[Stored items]
┏━━
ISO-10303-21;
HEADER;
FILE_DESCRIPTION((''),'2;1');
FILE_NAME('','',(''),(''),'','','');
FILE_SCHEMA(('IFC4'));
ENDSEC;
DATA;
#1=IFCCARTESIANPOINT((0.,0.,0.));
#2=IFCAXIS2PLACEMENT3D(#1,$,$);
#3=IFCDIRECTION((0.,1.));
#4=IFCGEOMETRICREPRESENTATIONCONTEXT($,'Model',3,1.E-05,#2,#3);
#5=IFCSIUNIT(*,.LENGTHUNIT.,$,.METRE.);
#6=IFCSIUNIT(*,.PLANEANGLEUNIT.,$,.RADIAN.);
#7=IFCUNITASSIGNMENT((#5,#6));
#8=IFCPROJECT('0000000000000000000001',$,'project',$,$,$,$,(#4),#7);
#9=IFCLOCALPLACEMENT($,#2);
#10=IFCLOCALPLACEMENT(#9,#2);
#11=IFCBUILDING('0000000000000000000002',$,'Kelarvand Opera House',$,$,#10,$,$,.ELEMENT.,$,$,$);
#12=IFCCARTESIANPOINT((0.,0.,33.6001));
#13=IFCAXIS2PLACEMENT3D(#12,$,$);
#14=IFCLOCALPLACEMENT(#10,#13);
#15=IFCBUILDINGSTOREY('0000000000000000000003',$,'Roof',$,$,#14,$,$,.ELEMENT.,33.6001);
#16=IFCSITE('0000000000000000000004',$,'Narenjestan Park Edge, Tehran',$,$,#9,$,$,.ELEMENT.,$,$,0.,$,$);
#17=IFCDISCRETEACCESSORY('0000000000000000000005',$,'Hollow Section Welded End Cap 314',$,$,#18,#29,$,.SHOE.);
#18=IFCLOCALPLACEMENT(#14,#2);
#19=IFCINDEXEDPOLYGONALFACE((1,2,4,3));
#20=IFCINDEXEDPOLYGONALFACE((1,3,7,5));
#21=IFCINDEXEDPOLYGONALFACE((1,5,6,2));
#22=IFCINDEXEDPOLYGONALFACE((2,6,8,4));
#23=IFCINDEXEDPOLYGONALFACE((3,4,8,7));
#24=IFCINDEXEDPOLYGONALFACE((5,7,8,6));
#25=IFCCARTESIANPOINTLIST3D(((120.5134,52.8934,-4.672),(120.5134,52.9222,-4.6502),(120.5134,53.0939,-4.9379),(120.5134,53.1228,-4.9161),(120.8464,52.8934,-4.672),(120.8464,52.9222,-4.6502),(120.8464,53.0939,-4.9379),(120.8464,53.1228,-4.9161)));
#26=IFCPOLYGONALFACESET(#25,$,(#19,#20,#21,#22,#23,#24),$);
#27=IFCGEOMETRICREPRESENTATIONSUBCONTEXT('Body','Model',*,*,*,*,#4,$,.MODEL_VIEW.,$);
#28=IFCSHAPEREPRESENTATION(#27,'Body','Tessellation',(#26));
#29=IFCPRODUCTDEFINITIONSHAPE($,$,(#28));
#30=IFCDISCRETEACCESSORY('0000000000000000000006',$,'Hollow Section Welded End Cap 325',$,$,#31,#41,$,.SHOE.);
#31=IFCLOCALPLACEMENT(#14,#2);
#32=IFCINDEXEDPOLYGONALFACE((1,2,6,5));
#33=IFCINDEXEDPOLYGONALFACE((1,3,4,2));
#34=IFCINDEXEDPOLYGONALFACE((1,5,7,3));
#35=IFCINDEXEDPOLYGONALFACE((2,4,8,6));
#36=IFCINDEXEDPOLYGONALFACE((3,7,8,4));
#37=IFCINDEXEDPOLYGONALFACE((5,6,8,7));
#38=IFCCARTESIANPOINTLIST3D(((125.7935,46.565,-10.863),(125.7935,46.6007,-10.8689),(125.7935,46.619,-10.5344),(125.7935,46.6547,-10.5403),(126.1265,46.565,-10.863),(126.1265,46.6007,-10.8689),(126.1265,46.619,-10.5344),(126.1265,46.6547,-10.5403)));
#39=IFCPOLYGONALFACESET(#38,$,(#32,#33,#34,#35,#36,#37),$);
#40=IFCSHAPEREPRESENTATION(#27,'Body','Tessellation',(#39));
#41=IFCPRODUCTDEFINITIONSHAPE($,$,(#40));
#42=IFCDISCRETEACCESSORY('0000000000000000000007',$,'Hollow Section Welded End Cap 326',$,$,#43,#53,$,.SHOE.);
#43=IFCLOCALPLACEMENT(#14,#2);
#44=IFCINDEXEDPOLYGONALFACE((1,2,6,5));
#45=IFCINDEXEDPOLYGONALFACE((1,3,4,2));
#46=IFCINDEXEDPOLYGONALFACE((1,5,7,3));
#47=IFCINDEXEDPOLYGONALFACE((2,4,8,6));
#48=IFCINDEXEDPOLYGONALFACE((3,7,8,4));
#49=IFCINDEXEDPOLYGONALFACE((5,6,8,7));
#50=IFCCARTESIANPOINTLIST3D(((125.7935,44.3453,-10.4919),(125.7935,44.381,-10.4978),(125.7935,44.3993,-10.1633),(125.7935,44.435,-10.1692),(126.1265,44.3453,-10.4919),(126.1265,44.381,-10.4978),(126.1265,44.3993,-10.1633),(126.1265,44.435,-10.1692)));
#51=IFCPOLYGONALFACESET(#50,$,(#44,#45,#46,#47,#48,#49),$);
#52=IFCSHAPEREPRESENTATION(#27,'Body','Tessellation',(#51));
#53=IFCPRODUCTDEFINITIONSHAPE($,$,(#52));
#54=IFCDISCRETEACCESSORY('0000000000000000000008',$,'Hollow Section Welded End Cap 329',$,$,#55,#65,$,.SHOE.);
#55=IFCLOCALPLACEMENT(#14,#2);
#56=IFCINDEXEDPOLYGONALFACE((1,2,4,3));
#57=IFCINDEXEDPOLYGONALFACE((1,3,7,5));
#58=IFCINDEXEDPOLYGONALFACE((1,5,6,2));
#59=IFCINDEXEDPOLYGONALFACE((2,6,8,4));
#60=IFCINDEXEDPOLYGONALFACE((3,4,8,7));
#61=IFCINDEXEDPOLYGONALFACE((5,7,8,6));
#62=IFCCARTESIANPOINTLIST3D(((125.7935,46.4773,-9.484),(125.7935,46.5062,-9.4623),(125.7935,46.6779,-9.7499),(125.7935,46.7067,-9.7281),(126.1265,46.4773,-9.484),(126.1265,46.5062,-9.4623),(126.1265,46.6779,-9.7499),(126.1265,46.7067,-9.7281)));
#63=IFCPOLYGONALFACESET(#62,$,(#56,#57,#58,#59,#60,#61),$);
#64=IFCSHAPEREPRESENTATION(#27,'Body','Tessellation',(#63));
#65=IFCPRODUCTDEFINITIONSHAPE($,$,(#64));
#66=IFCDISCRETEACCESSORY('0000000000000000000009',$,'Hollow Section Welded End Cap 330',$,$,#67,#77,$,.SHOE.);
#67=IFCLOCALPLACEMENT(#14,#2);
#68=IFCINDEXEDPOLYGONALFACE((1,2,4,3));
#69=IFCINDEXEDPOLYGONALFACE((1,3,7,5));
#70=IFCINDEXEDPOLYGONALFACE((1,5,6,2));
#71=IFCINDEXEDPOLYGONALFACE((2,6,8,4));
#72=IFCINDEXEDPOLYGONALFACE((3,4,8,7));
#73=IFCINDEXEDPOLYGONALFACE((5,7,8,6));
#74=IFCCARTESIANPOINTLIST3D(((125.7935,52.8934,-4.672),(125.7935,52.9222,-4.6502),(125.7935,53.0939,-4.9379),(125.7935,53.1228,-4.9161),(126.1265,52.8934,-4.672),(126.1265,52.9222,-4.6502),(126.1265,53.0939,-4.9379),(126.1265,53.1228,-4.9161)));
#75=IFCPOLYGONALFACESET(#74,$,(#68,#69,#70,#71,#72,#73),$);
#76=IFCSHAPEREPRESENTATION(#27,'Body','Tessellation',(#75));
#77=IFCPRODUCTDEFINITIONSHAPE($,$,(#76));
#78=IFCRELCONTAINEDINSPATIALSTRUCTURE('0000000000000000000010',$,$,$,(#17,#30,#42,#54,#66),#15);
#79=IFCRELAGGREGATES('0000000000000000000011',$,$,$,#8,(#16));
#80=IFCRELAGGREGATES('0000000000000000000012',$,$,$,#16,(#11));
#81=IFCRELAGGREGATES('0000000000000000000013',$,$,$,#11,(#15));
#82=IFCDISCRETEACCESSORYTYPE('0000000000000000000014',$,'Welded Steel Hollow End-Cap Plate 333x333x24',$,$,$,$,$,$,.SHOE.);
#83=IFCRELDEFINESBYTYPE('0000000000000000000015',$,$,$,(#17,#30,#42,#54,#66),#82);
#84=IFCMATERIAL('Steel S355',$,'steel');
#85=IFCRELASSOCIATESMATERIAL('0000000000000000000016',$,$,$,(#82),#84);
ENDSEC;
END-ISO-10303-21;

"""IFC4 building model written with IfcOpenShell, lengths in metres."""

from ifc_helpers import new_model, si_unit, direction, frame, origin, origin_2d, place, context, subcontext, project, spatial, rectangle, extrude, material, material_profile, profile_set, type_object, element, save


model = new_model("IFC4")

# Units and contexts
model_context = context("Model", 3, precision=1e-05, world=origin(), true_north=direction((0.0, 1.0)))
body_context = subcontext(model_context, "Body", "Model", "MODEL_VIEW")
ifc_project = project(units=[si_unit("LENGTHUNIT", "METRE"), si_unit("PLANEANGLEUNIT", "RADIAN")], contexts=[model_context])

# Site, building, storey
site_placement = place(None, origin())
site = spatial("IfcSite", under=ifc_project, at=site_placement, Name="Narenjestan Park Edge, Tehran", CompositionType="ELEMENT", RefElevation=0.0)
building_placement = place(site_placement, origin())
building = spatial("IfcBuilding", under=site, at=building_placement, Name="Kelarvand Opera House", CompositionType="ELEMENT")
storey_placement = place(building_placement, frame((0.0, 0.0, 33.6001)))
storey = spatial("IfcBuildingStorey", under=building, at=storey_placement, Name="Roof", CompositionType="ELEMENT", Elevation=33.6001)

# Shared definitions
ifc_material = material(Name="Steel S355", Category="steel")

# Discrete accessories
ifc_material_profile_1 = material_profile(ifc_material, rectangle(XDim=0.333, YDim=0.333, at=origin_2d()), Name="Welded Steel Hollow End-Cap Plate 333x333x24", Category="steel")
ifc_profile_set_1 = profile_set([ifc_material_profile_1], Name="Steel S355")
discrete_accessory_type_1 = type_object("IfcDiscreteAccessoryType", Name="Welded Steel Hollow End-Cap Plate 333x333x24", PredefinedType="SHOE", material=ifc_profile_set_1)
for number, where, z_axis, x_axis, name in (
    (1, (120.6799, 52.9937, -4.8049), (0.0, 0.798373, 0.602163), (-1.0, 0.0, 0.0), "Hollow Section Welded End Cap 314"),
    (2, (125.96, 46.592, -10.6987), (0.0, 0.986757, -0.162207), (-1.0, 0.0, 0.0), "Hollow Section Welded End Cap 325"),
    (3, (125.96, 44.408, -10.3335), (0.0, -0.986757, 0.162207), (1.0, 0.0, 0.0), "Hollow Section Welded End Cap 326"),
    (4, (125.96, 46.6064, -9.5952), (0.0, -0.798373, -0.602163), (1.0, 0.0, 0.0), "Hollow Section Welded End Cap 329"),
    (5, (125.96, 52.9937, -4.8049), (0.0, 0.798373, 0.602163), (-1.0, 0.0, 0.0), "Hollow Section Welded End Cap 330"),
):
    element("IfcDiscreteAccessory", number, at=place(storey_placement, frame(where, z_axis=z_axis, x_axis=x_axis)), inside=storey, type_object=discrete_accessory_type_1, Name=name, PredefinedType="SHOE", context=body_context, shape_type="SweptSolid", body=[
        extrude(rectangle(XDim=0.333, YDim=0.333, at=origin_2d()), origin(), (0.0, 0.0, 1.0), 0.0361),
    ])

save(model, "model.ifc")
┗━━
┏━━
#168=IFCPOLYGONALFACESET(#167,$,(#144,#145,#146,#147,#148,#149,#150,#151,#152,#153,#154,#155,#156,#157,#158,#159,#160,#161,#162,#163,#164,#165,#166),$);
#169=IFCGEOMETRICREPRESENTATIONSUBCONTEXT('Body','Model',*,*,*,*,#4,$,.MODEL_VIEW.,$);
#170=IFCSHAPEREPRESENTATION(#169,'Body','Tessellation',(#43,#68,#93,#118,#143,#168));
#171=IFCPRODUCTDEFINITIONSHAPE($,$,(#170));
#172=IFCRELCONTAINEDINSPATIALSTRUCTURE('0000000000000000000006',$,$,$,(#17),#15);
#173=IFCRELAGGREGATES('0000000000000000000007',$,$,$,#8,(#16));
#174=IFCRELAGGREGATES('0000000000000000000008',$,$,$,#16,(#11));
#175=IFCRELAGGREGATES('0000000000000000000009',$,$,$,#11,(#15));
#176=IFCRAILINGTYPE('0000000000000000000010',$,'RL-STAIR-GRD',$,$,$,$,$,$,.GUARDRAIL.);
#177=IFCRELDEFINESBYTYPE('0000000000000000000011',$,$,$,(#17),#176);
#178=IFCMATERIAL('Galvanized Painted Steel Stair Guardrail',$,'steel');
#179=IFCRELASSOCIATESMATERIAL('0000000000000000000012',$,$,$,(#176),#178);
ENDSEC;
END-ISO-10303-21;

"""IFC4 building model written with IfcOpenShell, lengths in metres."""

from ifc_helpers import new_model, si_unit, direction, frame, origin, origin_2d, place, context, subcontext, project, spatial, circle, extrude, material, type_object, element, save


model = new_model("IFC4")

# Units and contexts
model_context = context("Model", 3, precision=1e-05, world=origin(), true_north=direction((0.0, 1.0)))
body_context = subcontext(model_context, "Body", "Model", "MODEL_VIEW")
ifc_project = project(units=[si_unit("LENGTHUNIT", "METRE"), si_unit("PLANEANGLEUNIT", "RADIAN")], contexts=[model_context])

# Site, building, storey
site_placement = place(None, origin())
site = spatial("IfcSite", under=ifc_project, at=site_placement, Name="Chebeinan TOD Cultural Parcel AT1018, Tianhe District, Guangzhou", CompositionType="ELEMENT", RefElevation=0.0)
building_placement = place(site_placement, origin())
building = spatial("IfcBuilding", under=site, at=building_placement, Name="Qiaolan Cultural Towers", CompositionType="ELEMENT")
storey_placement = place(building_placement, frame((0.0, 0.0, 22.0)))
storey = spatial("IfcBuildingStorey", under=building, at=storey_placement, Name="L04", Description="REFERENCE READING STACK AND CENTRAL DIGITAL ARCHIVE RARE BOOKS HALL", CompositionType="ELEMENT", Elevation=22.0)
┗━━
» The task:
The answer must be every line from the records above that contains the word "IFCSIUNIT", copied in full.

» Output of the exercise:
#5=IFCSIUNIT(*,.LENGTHUNIT.,$,.METRE.);
#6=IFCSIUNIT(*,.PLANEANGLEUNIT.,$,.RADIAN.);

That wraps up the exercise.